Stored data entries:

Start of Block

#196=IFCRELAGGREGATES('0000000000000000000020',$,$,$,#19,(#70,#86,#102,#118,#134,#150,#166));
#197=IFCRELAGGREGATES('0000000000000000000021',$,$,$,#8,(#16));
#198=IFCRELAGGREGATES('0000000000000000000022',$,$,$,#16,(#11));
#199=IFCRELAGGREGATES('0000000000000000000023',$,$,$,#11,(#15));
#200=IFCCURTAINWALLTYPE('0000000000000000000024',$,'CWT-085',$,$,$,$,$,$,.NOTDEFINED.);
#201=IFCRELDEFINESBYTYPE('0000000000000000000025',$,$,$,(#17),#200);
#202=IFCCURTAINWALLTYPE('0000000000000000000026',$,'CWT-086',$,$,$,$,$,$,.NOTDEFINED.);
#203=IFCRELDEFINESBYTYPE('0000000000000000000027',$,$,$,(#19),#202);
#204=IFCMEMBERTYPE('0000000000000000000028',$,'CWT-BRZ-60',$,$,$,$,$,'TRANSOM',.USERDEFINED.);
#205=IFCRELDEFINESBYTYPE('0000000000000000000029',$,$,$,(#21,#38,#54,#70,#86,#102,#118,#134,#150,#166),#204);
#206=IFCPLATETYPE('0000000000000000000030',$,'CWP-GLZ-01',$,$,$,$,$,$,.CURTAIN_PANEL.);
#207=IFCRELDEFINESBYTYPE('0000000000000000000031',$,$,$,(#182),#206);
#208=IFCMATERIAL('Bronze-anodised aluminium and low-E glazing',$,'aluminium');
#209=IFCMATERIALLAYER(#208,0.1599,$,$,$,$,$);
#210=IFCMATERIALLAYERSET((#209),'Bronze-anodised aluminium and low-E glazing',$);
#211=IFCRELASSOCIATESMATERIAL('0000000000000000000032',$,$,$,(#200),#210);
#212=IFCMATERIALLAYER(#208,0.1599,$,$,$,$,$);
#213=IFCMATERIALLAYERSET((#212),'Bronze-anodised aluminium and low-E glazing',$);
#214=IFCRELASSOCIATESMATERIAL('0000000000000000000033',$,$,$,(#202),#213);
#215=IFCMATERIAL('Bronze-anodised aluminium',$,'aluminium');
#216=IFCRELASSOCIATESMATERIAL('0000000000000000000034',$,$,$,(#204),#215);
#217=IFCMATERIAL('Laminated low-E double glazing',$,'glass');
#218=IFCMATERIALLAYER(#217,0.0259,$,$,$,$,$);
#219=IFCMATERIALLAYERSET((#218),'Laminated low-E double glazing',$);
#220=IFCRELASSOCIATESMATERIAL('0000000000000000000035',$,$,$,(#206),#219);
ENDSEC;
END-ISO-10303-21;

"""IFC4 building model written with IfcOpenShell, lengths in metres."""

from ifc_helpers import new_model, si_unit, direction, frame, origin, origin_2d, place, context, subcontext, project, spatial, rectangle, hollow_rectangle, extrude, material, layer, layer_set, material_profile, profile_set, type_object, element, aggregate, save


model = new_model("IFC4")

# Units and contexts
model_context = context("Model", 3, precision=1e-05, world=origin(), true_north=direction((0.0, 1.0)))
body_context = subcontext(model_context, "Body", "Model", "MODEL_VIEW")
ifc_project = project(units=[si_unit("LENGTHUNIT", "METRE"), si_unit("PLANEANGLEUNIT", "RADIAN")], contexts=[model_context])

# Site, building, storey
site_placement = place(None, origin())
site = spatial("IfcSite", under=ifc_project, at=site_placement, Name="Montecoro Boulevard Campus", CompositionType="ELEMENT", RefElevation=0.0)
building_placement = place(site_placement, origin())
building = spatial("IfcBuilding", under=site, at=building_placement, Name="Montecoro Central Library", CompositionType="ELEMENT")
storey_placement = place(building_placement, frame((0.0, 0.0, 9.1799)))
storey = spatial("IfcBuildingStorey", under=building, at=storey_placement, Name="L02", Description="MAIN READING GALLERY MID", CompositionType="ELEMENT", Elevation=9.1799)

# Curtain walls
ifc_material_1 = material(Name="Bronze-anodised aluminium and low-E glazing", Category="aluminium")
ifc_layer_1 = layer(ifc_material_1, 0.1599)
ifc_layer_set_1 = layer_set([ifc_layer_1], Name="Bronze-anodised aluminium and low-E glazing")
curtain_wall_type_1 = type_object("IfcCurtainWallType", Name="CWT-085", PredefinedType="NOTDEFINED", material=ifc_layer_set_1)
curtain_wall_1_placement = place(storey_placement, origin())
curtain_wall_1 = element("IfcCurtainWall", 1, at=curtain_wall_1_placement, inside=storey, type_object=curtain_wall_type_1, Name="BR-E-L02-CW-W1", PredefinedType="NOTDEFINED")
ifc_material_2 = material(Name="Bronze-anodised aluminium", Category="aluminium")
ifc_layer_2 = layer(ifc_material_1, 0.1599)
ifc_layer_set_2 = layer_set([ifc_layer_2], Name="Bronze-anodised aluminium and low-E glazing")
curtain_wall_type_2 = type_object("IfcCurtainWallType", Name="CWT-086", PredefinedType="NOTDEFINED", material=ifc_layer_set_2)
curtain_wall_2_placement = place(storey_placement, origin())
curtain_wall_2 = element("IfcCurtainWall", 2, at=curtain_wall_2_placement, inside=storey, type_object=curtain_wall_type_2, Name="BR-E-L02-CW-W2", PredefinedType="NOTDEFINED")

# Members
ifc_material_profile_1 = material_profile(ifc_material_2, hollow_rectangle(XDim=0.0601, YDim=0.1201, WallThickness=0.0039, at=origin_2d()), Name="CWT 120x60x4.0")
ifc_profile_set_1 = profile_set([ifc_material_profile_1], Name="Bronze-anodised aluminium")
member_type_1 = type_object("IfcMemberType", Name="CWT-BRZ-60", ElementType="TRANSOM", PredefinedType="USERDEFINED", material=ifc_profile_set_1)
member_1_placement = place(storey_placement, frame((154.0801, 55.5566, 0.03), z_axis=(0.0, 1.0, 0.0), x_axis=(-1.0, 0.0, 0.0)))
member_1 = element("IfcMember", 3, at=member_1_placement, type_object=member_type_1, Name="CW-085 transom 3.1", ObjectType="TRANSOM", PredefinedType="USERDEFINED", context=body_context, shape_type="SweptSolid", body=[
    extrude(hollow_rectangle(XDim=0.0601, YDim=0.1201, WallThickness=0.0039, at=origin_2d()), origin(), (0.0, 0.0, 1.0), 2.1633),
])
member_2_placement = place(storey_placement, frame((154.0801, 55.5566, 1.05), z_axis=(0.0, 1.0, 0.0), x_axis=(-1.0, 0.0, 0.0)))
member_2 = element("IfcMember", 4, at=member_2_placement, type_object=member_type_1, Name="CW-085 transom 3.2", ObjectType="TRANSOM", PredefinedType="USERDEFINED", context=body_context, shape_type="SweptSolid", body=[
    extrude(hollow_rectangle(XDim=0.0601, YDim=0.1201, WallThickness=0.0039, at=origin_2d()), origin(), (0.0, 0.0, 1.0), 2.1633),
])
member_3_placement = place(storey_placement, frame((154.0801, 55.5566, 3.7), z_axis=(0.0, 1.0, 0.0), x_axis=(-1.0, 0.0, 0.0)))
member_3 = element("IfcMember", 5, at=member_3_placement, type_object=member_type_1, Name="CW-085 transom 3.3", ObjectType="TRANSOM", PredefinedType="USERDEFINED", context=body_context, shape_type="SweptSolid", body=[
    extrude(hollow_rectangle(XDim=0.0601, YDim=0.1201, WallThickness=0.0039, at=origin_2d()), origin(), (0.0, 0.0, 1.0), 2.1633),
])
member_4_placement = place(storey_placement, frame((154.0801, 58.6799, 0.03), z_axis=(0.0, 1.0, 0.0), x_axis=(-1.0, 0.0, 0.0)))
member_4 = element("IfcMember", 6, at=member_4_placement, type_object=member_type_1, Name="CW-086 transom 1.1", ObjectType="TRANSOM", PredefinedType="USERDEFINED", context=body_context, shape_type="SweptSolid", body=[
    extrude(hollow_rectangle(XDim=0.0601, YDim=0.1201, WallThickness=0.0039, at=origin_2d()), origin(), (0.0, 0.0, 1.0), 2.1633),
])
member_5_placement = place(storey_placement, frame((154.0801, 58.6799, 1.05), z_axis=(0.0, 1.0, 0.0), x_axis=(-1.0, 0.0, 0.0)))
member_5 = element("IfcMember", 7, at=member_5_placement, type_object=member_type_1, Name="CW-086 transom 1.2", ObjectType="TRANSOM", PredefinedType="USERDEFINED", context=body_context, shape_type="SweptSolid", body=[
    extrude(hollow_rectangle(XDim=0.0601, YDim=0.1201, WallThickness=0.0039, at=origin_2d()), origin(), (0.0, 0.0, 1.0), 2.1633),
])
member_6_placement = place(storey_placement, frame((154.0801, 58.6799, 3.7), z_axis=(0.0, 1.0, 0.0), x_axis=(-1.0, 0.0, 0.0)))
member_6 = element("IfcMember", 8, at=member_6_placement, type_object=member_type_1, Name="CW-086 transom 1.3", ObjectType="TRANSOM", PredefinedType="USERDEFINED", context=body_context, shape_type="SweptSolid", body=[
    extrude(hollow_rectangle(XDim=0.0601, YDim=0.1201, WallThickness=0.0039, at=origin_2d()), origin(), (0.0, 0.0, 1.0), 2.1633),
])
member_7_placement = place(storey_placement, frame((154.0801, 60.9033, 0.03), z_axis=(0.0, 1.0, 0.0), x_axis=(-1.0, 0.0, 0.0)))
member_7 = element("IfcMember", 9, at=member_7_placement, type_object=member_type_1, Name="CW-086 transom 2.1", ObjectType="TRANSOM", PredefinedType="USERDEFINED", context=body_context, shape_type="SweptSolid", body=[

End of Block

WHAT YOU HAVE TO DO: Your response should contain each line of the entries above that holds the string "IFCRELAGGREGATES".

ANSWER FOR THE TASK:
#196=IFCRELAGGREGATES('0000000000000000000020',$,$,$,#19,(#70,#86,#102,#118,#134,#150,#166));
#197=IFCRELAGGREGATES('0000000000000000000021',$,$,$,#8,(#16));
#198=IFCRELAGGREGATES('0000000000000000000022',$,$,$,#16,(#11));
#199=IFCRELAGGREGATES('0000000000000000000023',$,$,$,#11,(#15));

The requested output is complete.